### What this task involves
Return every line of the data that contains the string "USERDEFINED".

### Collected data
=== Begin Enclosure ===

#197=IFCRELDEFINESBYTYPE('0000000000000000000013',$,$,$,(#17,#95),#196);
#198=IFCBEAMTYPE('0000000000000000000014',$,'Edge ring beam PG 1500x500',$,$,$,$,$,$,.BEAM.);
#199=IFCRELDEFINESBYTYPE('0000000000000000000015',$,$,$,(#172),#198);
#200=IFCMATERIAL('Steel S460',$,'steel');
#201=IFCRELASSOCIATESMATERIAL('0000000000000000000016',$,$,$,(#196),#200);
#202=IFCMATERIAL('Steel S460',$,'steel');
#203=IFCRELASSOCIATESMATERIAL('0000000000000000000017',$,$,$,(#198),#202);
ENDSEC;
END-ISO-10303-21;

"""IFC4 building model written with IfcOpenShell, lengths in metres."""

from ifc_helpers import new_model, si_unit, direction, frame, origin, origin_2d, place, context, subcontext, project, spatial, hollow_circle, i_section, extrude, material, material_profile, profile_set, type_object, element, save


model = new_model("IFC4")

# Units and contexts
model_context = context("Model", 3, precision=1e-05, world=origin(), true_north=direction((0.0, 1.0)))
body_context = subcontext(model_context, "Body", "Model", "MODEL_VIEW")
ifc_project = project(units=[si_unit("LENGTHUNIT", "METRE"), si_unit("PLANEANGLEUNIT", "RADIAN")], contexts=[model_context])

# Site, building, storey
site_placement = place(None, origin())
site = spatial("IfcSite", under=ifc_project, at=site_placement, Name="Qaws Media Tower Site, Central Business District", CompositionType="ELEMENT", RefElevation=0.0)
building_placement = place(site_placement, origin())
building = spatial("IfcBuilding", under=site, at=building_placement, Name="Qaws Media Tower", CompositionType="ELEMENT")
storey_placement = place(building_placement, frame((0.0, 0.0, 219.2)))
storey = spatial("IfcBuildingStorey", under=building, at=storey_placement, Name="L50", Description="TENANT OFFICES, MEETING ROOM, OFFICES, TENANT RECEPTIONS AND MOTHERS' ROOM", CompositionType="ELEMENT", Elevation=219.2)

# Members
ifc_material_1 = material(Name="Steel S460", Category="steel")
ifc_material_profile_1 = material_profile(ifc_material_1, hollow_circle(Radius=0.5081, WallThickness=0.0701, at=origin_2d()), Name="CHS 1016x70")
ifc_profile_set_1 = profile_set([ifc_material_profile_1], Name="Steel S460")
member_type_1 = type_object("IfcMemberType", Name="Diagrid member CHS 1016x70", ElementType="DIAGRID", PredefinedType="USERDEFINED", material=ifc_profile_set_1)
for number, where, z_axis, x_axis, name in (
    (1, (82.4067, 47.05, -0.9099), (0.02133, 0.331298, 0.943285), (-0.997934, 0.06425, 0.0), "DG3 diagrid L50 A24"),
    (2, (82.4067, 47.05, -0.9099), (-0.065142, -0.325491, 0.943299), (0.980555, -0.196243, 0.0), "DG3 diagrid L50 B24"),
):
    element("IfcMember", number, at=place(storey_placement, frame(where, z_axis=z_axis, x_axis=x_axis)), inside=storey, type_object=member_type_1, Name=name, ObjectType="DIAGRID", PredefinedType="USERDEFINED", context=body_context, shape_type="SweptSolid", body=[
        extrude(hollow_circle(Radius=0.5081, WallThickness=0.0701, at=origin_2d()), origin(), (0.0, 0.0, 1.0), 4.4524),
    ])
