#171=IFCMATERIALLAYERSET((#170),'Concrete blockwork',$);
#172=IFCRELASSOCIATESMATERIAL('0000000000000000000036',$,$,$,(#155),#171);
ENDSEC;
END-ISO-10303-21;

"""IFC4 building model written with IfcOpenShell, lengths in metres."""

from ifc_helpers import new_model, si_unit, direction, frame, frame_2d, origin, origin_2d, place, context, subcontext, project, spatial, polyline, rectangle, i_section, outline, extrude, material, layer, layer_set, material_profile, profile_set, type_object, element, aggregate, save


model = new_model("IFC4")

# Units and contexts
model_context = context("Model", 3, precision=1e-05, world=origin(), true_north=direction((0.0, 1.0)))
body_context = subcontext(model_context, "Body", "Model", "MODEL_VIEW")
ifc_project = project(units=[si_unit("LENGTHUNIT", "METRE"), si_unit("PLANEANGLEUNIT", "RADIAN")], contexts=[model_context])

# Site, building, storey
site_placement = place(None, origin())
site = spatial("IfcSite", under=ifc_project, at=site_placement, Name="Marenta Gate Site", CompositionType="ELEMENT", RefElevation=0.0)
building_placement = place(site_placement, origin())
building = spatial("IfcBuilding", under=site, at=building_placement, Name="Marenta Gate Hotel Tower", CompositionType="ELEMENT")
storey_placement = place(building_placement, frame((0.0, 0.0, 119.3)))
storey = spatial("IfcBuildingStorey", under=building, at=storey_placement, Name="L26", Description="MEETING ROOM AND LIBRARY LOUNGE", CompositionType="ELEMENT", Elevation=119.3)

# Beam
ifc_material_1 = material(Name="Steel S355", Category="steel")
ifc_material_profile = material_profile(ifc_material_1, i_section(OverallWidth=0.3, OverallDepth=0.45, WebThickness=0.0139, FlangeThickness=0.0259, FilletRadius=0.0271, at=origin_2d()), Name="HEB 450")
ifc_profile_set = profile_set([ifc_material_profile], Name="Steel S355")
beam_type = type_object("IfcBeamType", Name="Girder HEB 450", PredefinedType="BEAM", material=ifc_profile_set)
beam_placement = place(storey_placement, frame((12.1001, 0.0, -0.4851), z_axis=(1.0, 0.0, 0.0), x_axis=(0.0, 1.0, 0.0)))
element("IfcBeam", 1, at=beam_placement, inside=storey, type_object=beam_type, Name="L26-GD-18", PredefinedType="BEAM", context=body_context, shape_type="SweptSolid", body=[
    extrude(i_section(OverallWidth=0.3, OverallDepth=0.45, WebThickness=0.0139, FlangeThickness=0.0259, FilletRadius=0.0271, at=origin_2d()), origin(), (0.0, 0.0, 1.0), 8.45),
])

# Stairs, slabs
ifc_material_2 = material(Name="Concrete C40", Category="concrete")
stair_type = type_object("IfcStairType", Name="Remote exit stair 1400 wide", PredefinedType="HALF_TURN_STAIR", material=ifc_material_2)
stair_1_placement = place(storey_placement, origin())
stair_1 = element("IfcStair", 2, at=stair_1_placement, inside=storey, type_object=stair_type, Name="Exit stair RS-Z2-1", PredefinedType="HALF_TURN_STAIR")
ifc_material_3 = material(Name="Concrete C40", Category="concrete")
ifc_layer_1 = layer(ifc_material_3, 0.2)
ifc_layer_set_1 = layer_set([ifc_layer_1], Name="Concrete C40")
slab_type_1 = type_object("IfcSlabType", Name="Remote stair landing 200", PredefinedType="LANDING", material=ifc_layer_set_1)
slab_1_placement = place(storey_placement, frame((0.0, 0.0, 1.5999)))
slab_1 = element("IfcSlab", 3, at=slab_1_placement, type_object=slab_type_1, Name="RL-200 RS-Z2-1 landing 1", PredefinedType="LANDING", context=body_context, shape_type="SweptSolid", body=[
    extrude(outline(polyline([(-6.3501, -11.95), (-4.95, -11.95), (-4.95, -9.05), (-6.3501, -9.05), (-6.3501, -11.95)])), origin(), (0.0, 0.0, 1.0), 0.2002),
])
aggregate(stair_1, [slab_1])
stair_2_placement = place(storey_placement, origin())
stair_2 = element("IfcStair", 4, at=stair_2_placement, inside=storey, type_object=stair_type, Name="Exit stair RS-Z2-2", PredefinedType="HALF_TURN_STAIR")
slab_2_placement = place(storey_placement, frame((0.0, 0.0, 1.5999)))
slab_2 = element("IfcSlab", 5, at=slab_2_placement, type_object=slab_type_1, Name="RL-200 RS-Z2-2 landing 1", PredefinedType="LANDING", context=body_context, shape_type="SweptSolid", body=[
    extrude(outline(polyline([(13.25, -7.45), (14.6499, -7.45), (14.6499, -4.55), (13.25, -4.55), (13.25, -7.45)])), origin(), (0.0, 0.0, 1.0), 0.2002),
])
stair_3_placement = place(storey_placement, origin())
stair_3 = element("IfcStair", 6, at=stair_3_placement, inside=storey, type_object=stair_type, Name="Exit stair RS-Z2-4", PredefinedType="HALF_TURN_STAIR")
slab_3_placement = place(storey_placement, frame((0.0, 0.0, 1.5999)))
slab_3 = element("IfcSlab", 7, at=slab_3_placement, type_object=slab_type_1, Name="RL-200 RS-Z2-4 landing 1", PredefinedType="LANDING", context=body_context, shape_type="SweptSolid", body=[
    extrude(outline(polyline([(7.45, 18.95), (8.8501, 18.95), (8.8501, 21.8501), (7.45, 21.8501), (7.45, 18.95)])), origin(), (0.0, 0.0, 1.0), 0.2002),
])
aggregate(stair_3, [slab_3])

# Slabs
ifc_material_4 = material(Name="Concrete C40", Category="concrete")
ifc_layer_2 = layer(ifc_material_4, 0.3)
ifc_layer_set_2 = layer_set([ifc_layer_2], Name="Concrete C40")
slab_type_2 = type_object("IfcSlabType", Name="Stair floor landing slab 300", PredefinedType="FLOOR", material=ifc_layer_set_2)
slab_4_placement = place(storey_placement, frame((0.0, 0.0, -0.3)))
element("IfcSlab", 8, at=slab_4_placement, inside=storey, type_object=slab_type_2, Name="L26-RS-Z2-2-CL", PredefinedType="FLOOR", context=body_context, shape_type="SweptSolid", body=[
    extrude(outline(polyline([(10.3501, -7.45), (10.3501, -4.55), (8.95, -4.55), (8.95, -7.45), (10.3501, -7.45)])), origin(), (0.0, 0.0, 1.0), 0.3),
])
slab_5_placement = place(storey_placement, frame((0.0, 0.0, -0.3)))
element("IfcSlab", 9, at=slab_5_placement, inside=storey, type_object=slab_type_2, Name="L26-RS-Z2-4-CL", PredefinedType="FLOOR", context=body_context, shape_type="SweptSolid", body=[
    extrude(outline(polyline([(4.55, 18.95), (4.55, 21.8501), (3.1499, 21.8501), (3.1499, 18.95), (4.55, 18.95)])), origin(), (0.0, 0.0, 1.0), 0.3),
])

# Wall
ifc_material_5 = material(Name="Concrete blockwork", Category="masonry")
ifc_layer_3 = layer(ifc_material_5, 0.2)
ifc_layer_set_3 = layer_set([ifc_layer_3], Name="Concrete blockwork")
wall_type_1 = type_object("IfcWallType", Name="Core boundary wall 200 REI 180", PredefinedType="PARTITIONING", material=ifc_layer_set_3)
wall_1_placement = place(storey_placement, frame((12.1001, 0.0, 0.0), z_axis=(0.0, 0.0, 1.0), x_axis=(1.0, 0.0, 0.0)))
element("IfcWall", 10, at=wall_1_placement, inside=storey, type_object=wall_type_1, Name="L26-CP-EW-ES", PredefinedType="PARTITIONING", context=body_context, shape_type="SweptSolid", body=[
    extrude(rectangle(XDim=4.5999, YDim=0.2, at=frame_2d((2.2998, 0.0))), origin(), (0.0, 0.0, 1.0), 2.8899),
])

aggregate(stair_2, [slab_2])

=== End Enclosure ===
=== Begin Enclosure ===

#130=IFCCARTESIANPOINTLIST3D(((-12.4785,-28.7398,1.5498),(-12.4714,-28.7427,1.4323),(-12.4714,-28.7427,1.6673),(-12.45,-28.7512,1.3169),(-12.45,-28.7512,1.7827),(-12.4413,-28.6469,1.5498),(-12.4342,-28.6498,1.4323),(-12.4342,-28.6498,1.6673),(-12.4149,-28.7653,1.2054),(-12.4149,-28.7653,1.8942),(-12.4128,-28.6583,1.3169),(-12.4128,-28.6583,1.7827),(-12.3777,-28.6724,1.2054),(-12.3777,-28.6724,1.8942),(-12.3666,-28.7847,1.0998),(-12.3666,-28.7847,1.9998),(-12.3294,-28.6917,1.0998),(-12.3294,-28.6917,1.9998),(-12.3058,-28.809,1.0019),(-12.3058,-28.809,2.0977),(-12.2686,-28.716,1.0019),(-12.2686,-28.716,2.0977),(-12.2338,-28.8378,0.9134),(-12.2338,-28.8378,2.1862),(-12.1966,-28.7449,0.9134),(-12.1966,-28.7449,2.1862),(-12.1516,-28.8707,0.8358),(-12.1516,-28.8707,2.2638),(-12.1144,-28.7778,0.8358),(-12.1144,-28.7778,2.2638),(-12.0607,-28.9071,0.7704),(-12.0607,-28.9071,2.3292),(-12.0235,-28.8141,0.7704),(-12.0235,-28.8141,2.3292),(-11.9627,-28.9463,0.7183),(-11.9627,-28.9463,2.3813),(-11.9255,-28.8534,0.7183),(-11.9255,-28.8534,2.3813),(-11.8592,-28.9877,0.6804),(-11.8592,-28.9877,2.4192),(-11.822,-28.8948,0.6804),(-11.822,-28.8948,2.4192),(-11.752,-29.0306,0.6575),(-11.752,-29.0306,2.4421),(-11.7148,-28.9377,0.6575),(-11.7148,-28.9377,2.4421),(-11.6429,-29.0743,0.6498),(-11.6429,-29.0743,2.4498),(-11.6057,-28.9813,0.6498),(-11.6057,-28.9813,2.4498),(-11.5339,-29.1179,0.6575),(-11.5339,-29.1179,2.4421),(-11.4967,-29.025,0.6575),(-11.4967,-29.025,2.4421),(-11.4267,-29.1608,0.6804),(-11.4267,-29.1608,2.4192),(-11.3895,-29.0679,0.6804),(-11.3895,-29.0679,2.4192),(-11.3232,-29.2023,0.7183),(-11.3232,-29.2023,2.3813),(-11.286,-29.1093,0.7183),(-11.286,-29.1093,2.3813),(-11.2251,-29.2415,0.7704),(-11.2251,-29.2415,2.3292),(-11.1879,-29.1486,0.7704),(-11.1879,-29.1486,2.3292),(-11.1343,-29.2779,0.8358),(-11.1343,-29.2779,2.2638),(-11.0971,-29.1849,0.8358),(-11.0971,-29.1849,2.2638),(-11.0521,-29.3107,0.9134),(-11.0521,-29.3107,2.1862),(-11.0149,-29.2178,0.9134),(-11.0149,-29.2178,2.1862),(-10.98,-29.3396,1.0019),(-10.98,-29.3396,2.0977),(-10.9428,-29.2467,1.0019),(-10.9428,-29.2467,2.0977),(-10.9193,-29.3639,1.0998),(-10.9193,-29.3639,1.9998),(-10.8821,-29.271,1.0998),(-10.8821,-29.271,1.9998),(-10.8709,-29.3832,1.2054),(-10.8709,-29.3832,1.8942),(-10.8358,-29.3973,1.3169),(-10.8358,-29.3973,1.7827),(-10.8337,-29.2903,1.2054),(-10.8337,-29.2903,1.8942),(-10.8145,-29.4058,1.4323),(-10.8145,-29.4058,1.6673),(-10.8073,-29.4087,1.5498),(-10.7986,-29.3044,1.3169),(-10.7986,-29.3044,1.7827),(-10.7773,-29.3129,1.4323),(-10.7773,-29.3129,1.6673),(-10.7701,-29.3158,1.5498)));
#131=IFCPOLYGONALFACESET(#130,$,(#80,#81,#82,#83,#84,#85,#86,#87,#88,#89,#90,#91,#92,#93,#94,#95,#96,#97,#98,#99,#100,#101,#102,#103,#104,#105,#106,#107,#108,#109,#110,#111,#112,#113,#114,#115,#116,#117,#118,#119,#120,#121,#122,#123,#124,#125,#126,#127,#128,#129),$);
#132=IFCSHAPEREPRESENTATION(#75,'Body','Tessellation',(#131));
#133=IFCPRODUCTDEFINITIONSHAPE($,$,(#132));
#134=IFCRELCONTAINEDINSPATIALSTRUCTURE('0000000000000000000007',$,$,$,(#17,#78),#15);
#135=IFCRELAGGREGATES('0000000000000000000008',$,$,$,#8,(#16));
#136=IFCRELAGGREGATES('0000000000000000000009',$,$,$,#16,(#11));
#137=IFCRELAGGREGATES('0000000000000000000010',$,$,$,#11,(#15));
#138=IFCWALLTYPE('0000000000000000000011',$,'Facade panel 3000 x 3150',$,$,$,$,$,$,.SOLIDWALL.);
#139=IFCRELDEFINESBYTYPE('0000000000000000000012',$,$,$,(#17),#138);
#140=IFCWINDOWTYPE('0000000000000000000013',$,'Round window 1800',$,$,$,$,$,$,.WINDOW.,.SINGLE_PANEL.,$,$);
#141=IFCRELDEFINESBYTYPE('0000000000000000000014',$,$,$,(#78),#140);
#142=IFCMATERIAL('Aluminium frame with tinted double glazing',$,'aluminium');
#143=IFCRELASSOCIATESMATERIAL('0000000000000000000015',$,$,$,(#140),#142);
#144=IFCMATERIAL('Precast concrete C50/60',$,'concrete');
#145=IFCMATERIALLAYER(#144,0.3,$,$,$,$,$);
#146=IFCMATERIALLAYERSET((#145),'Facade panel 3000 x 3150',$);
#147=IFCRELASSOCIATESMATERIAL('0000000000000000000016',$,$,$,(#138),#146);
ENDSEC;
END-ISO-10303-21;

=== End Enclosure ===

### Task result
member_type_1 = type_object("IfcMemberType", Name="Diagrid member CHS 1016x70", ElementType="DIAGRID", PredefinedType="USERDEFINED", material=ifc_profile_set_1)
    element("IfcMember", number, at=place(storey_placement, frame(where, z_axis=z_axis, x_axis=x_axis)), inside=storey, type_object=member_type_1, Name=name, ObjectType="DIAGRID", PredefinedType="USERDEFINED", context=body_context, shape_type="SweptSolid", body=[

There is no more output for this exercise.